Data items
______________________________
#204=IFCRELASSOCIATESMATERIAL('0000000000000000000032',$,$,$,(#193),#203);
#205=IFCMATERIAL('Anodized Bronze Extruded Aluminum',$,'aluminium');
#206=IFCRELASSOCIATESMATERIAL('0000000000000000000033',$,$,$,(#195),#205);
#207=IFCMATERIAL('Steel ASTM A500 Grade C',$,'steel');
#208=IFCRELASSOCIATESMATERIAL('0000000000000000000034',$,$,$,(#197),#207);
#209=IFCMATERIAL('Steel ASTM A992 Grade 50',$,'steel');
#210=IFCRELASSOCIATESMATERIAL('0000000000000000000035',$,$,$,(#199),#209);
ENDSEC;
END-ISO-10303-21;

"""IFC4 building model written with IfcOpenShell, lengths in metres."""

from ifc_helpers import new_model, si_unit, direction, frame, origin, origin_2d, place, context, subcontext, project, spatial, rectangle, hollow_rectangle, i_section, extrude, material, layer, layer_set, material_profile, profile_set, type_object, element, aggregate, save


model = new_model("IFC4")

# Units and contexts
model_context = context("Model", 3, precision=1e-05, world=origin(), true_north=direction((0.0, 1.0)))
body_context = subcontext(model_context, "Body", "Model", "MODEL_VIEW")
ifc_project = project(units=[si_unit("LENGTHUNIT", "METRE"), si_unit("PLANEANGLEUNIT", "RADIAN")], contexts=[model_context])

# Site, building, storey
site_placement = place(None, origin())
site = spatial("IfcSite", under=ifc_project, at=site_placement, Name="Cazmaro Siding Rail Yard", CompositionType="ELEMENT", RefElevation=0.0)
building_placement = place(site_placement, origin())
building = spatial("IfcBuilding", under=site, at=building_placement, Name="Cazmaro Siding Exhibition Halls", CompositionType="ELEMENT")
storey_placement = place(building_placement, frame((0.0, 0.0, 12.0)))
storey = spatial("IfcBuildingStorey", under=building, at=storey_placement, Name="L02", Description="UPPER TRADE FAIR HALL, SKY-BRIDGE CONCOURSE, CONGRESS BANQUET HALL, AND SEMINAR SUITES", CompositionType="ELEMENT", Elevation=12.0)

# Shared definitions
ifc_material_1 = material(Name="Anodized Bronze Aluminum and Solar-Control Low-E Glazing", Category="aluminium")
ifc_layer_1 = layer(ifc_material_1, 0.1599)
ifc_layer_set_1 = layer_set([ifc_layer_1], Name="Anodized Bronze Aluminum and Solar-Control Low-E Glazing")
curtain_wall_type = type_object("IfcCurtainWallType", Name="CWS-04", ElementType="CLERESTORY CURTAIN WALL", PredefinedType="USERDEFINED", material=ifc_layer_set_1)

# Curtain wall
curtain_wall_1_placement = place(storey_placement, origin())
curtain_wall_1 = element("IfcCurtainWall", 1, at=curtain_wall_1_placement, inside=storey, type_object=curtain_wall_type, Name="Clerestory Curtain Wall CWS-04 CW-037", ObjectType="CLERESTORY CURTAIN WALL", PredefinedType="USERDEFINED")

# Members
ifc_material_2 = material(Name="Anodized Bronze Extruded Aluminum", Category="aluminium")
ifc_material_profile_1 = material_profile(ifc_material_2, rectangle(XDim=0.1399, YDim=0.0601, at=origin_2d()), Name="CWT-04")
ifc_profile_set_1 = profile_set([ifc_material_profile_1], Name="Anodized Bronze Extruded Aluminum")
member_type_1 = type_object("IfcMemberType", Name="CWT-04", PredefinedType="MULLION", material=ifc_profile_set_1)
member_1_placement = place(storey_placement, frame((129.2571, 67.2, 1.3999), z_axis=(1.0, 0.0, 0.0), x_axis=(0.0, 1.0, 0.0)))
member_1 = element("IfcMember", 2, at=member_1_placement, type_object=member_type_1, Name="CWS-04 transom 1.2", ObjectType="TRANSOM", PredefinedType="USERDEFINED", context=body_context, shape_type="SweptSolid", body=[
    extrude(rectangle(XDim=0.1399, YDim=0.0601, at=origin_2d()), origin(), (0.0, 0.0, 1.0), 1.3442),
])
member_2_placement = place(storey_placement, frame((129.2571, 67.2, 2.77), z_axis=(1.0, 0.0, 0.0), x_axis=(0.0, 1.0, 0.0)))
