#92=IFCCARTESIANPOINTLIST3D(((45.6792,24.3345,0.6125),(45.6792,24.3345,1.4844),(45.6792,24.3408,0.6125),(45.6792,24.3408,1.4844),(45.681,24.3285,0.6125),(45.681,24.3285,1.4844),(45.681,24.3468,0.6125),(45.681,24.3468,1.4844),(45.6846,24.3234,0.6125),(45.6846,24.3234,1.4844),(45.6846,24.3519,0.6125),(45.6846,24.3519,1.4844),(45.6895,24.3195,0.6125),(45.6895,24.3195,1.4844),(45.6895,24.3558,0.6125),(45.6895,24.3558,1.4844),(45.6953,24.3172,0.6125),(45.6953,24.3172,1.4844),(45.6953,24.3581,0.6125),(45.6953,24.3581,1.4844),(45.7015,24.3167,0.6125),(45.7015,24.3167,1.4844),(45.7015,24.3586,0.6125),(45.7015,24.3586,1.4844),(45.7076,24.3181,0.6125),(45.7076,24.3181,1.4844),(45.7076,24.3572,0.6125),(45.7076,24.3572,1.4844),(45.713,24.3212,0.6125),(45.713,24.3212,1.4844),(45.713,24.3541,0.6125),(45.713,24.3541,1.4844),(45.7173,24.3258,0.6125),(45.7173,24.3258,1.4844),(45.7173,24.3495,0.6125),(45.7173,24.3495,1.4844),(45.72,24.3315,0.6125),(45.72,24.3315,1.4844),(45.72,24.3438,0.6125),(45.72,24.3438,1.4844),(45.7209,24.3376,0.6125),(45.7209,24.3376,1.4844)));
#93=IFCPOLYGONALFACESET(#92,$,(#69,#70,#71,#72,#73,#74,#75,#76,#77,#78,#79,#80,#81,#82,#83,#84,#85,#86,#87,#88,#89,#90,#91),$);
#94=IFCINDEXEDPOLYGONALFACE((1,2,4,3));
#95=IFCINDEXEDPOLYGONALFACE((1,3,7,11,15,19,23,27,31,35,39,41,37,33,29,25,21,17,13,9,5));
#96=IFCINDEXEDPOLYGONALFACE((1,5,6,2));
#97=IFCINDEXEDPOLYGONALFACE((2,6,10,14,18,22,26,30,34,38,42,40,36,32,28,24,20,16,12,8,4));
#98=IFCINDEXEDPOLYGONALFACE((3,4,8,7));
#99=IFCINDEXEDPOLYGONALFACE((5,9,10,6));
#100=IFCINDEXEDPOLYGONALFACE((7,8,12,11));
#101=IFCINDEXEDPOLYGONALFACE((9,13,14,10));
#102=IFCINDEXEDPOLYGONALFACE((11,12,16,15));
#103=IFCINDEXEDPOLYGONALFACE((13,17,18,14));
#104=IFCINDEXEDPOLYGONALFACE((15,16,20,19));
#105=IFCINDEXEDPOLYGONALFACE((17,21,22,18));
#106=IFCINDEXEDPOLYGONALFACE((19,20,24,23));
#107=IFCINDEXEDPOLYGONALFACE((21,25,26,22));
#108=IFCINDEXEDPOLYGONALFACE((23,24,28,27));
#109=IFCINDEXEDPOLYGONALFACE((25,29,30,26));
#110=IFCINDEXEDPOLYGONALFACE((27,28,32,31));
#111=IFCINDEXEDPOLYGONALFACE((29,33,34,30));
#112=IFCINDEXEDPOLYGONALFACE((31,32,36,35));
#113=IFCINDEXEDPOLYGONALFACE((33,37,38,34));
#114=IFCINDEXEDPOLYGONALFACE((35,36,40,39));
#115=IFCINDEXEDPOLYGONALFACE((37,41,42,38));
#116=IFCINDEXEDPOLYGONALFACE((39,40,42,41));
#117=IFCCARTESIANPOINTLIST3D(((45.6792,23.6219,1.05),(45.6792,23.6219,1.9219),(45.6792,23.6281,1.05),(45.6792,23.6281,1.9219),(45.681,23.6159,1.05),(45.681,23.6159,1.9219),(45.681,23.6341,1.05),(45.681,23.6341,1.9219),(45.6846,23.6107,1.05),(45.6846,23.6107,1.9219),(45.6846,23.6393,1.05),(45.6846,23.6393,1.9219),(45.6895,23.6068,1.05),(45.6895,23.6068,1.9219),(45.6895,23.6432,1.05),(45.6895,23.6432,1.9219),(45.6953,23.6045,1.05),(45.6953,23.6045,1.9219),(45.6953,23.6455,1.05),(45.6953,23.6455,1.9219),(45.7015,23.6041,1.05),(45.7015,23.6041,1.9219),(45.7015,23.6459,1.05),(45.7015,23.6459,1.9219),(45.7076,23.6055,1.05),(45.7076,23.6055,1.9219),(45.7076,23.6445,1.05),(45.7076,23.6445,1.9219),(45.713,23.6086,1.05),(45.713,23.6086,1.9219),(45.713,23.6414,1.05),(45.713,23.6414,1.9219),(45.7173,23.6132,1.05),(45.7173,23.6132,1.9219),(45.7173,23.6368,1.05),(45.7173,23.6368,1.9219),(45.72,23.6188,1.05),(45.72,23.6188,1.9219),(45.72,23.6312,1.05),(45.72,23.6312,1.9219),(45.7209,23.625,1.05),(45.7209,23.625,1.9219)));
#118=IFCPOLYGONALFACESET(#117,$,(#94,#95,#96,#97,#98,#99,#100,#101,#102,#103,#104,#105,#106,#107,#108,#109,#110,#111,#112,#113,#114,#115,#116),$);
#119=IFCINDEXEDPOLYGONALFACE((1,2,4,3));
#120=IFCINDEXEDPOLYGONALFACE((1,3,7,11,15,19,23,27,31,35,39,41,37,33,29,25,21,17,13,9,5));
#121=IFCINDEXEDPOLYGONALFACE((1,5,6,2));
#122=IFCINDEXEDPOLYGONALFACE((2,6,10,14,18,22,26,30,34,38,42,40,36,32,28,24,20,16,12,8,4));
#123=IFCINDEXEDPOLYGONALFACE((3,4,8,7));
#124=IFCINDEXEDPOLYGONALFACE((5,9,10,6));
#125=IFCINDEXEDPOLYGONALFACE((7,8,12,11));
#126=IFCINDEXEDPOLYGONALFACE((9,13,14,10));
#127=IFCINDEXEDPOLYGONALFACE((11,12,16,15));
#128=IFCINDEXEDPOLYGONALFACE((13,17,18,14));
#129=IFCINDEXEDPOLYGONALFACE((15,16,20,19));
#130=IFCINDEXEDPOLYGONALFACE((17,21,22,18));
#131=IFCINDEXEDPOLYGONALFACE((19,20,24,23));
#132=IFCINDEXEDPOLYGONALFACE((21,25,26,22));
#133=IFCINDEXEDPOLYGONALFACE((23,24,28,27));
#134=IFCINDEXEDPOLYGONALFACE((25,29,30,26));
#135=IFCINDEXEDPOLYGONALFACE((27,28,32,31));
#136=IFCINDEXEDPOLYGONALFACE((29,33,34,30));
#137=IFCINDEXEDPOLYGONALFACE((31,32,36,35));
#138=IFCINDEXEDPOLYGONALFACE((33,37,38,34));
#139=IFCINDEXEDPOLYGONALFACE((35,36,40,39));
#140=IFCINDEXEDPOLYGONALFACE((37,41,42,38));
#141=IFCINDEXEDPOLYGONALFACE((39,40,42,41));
______________________________
WORK REQUEST — What lines above hold the word "CompositionType"? List them all.

RESPONSE BOX —
site = spatial("IfcSite", under=ifc_project, at=site_placement, Name="Cazmaro Siding Rail Yard", CompositionType="ELEMENT", RefElevation=0.0)
building = spatial("IfcBuilding", under=site, at=building_placement, Name="Cazmaro Siding Exhibition Halls", CompositionType="ELEMENT")
storey = spatial("IfcBuildingStorey", under=building, at=storey_placement, Name="L02", Description="UPPER TRADE FAIR HALL, SKY-BRIDGE CONCOURSE, CONGRESS BANQUET HALL, AND SEMINAR SUITES", CompositionType="ELEMENT", Elevation=12.0)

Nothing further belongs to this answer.